>>>>>
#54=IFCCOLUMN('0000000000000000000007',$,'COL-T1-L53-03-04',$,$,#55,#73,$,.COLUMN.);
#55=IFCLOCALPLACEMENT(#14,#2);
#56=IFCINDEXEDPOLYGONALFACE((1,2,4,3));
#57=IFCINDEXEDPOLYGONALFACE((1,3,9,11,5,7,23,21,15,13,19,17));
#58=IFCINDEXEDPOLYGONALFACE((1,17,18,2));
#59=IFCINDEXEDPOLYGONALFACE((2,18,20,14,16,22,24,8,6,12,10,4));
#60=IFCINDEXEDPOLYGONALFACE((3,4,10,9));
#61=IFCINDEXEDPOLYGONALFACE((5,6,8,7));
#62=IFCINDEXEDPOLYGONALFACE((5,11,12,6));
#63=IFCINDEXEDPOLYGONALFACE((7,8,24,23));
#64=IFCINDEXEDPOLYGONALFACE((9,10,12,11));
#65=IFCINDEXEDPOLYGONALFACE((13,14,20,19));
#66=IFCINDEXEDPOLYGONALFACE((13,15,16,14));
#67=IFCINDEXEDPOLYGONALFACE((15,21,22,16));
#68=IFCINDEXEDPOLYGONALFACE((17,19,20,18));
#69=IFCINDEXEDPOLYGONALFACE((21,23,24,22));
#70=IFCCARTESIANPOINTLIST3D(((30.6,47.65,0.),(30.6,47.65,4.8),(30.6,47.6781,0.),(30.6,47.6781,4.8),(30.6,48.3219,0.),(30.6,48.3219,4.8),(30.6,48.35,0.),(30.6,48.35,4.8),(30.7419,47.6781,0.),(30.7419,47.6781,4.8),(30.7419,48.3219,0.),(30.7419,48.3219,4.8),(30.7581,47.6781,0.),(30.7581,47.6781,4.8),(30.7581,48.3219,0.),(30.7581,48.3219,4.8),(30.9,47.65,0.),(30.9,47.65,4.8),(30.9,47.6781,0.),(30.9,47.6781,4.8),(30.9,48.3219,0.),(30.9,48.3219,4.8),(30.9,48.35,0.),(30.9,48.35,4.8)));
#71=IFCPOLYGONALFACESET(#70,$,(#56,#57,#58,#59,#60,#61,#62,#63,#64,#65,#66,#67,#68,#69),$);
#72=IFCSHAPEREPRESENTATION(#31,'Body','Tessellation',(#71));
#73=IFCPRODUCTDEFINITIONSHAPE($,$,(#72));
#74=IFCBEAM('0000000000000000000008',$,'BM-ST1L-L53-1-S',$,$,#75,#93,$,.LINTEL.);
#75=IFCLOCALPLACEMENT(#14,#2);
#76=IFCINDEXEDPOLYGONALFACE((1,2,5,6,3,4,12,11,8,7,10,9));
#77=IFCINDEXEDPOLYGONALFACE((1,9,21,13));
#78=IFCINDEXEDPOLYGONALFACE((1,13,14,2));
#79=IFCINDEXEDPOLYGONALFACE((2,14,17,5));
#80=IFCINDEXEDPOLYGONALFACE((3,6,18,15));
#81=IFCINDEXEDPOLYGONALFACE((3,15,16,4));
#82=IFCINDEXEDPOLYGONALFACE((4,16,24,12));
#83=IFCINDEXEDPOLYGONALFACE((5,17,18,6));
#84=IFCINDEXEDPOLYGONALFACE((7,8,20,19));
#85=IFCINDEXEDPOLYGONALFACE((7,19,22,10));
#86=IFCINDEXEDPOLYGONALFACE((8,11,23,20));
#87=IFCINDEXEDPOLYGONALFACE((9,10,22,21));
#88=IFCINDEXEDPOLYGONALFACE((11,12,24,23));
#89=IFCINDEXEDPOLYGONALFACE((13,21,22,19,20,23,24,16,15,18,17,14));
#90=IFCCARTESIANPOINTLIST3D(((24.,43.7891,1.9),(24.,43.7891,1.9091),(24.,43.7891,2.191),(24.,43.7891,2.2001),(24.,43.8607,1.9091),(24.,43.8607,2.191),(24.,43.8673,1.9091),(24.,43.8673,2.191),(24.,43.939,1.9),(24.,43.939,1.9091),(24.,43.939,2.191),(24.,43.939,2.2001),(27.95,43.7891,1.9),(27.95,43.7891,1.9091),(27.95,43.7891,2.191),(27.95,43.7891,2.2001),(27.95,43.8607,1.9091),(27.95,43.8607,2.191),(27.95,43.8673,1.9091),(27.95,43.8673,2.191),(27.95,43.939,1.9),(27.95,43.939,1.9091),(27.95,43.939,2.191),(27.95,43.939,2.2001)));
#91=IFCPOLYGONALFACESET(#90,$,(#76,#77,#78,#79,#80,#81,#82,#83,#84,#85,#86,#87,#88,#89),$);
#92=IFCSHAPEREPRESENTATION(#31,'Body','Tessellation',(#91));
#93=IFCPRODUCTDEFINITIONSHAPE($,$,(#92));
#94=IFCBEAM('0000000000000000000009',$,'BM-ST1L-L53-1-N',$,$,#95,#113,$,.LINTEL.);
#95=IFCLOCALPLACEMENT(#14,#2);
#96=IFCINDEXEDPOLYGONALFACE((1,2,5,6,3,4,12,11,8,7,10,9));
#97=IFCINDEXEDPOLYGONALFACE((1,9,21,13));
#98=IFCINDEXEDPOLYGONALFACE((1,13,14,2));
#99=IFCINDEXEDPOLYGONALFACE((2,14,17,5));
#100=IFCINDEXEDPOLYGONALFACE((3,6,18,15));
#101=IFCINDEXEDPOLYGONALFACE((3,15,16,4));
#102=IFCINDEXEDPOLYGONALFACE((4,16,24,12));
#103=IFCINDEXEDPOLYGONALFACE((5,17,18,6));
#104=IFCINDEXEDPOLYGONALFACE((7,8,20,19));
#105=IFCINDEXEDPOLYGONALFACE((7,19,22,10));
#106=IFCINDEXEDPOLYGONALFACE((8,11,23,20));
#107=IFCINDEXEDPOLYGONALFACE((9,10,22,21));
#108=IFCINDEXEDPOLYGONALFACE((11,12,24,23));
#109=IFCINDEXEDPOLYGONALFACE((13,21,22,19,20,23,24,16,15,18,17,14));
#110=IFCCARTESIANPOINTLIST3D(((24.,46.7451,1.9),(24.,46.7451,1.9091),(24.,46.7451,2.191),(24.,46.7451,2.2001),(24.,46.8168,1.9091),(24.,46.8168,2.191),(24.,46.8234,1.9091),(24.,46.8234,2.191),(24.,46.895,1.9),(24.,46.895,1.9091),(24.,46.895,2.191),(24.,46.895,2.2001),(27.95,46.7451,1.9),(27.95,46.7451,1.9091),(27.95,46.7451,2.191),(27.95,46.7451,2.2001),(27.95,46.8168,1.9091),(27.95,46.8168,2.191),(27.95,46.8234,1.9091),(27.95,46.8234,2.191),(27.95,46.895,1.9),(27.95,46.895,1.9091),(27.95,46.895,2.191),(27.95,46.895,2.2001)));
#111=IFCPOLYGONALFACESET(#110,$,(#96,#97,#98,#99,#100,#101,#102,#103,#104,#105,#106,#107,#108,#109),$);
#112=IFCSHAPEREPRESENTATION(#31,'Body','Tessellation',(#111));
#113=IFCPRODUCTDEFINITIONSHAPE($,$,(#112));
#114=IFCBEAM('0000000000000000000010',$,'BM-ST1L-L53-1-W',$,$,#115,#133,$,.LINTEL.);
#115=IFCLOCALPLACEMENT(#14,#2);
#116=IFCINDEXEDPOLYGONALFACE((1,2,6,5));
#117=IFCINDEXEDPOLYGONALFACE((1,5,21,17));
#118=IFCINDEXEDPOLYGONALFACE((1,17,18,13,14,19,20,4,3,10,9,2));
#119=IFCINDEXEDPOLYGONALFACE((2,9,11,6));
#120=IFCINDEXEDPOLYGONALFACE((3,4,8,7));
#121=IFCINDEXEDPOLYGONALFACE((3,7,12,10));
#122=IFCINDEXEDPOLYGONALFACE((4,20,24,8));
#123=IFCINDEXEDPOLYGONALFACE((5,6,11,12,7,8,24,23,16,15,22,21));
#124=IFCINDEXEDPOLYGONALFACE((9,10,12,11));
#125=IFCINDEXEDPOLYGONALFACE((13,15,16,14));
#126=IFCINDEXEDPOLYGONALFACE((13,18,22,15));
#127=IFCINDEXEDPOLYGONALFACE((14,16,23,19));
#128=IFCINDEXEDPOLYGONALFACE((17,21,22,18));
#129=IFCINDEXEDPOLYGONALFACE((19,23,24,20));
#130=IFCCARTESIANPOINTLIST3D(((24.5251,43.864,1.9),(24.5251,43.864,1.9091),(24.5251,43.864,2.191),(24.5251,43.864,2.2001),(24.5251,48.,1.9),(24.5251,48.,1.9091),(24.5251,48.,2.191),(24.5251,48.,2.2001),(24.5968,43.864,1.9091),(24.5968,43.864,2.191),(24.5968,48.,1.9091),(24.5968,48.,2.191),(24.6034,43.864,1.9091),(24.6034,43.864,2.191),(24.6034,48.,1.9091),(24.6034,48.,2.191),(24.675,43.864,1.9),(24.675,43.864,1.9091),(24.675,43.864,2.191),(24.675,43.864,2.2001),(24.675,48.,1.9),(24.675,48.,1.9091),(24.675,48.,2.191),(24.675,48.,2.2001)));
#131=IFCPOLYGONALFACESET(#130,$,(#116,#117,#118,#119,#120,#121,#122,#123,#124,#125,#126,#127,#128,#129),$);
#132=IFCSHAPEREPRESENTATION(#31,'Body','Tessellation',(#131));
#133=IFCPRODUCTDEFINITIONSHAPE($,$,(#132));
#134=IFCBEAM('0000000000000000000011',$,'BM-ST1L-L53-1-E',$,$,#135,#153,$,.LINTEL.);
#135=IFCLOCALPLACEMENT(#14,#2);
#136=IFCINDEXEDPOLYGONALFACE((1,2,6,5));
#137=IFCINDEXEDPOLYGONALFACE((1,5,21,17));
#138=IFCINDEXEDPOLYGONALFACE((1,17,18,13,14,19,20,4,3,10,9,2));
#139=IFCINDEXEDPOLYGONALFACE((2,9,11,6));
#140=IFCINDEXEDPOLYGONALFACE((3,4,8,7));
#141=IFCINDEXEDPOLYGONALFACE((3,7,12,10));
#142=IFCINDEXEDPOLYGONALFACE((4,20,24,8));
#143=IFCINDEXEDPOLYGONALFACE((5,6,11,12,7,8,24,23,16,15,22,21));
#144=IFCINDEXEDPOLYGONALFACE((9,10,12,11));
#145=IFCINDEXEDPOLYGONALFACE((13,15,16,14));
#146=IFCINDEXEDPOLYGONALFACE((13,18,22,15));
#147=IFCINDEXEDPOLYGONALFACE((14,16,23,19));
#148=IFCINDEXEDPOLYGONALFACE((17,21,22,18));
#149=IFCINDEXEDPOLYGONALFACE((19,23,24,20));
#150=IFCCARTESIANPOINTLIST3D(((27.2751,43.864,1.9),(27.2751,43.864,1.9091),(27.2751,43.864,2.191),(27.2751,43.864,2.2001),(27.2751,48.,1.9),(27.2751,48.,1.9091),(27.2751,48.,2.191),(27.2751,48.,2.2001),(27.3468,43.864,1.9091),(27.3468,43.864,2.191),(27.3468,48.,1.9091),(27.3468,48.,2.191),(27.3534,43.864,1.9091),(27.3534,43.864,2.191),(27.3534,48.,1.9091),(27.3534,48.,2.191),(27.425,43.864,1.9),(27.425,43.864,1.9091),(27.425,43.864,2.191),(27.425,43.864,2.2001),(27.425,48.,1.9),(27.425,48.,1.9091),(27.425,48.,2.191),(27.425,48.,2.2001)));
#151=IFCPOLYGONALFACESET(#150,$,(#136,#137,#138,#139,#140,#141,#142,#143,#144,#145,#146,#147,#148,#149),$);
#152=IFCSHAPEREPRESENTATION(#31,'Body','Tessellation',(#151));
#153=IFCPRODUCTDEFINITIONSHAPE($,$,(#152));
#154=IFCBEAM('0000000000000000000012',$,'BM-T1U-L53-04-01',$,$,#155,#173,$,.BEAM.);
<<<<<
### What you need to do
Copy, please, every line from the start of the entries down to the line that holds "#65=IFCINDEXEDPOLYGONALFACE((13,14,20,19));", with both of those lines included and no others.

### Response below
#54=IFCCOLUMN('0000000000000000000007',$,'COL-T1-L53-03-04',$,$,#55,#73,$,.COLUMN.);
#55=IFCLOCALPLACEMENT(#14,#2);
#56=IFCINDEXEDPOLYGONALFACE((1,2,4,3));
#57=IFCINDEXEDPOLYGONALFACE((1,3,9,11,5,7,23,21,15,13,19,17));
#58=IFCINDEXEDPOLYGONALFACE((1,17,18,2));
#59=IFCINDEXEDPOLYGONALFACE((2,18,20,14,16,22,24,8,6,12,10,4));
#60=IFCINDEXEDPOLYGONALFACE((3,4,10,9));
#61=IFCINDEXEDPOLYGONALFACE((5,6,8,7));
#62=IFCINDEXEDPOLYGONALFACE((5,11,12,6));
#63=IFCINDEXEDPOLYGONALFACE((7,8,24,23));
#64=IFCINDEXEDPOLYGONALFACE((9,10,12,11));
#65=IFCINDEXEDPOLYGONALFACE((13,14,20,19));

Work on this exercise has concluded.